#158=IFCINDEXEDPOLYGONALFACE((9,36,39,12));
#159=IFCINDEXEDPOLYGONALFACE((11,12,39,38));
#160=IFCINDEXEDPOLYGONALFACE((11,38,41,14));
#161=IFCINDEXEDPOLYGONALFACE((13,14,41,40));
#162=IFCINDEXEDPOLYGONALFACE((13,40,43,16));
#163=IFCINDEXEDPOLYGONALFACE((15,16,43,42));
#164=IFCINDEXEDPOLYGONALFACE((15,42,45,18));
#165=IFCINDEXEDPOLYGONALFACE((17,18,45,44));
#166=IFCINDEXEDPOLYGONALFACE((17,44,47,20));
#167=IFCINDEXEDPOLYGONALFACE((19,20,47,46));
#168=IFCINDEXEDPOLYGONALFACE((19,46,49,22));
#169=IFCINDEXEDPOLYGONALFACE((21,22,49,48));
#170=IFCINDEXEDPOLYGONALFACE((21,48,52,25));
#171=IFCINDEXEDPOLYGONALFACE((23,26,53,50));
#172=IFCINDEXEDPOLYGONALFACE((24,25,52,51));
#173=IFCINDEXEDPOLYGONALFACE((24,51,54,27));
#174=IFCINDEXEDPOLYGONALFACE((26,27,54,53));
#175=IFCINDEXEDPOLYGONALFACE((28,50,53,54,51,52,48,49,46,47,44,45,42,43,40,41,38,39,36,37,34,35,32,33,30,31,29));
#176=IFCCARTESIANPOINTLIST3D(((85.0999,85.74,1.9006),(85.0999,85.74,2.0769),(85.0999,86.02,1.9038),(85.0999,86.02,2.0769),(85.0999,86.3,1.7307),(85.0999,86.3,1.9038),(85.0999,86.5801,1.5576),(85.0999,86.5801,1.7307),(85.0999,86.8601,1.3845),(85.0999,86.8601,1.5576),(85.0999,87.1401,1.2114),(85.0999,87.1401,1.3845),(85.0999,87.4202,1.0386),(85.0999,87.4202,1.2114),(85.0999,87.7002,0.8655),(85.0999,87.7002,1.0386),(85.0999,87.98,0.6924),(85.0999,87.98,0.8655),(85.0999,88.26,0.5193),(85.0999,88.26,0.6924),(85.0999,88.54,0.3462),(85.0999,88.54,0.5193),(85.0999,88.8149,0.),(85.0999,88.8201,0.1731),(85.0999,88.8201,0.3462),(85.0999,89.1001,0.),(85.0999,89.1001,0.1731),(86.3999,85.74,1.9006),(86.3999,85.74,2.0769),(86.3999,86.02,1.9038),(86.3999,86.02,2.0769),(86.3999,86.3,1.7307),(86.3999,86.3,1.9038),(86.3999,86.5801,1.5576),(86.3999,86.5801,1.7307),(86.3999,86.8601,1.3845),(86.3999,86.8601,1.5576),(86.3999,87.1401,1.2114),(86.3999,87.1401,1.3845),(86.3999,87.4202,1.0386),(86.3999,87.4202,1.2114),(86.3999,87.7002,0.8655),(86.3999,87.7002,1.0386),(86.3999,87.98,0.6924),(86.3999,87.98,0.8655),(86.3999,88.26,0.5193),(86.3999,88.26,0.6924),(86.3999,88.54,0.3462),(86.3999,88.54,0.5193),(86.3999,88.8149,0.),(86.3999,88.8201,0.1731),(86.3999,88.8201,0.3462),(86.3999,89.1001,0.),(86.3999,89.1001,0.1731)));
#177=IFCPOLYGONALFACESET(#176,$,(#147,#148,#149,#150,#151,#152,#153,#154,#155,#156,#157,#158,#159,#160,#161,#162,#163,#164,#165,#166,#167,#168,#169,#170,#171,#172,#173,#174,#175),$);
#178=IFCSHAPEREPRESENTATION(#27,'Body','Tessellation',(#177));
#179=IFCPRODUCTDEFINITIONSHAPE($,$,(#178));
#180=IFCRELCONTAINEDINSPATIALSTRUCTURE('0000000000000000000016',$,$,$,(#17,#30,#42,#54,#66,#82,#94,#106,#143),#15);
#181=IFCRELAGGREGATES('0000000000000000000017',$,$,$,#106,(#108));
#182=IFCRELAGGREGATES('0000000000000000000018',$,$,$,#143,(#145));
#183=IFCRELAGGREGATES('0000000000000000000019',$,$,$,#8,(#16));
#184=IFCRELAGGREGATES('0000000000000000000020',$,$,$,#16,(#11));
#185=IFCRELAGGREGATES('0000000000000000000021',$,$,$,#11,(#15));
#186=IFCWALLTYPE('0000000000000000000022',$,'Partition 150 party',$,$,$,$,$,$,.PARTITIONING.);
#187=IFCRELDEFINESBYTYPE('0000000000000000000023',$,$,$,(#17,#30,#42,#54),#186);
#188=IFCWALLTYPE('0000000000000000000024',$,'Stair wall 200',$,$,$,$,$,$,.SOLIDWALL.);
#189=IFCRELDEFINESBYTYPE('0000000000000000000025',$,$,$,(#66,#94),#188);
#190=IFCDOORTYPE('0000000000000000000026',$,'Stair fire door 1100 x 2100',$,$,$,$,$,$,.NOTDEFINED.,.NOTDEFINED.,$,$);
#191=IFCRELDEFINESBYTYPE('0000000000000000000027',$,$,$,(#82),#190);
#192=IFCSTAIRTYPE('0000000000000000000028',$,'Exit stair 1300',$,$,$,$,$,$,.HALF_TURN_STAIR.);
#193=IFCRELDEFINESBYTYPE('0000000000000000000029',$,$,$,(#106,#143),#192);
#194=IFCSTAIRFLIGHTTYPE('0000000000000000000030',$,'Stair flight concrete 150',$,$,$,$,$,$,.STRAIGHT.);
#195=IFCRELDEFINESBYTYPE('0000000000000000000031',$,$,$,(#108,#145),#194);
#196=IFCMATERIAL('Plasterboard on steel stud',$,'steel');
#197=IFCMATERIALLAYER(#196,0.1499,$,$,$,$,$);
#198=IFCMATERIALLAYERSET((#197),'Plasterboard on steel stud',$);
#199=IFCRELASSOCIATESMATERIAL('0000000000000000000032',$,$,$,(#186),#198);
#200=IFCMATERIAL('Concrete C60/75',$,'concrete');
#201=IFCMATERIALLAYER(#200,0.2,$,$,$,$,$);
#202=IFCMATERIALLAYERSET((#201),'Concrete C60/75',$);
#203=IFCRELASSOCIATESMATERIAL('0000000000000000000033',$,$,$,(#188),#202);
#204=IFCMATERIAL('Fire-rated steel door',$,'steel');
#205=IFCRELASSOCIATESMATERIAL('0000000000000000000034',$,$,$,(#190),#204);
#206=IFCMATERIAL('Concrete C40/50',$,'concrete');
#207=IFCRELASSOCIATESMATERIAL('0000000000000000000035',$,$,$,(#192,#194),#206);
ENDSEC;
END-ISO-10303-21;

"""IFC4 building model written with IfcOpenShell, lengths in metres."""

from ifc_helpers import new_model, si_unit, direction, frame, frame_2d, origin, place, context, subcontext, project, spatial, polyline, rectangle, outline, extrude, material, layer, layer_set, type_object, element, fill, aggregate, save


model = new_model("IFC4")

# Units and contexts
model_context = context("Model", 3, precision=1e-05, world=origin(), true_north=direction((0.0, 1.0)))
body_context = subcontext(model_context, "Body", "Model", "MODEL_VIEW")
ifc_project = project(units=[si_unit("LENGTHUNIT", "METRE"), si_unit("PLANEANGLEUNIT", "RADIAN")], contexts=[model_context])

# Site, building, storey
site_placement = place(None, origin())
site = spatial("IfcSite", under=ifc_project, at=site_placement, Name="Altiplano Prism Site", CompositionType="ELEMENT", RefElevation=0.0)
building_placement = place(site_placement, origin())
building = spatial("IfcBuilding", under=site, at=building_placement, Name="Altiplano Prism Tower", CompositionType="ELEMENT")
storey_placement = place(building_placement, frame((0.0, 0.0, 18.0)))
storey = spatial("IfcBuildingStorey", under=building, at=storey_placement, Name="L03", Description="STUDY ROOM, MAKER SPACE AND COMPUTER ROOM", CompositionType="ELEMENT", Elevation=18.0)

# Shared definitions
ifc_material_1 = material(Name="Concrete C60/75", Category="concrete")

Task objective :: Each line of the entries that contains the word "Body" should be listed.

Written answer ::
#178=IFCSHAPEREPRESENTATION(#27,'Body','Tessellation',(#177));
body_context = subcontext(model_context, "Body", "Model", "MODEL_VIEW")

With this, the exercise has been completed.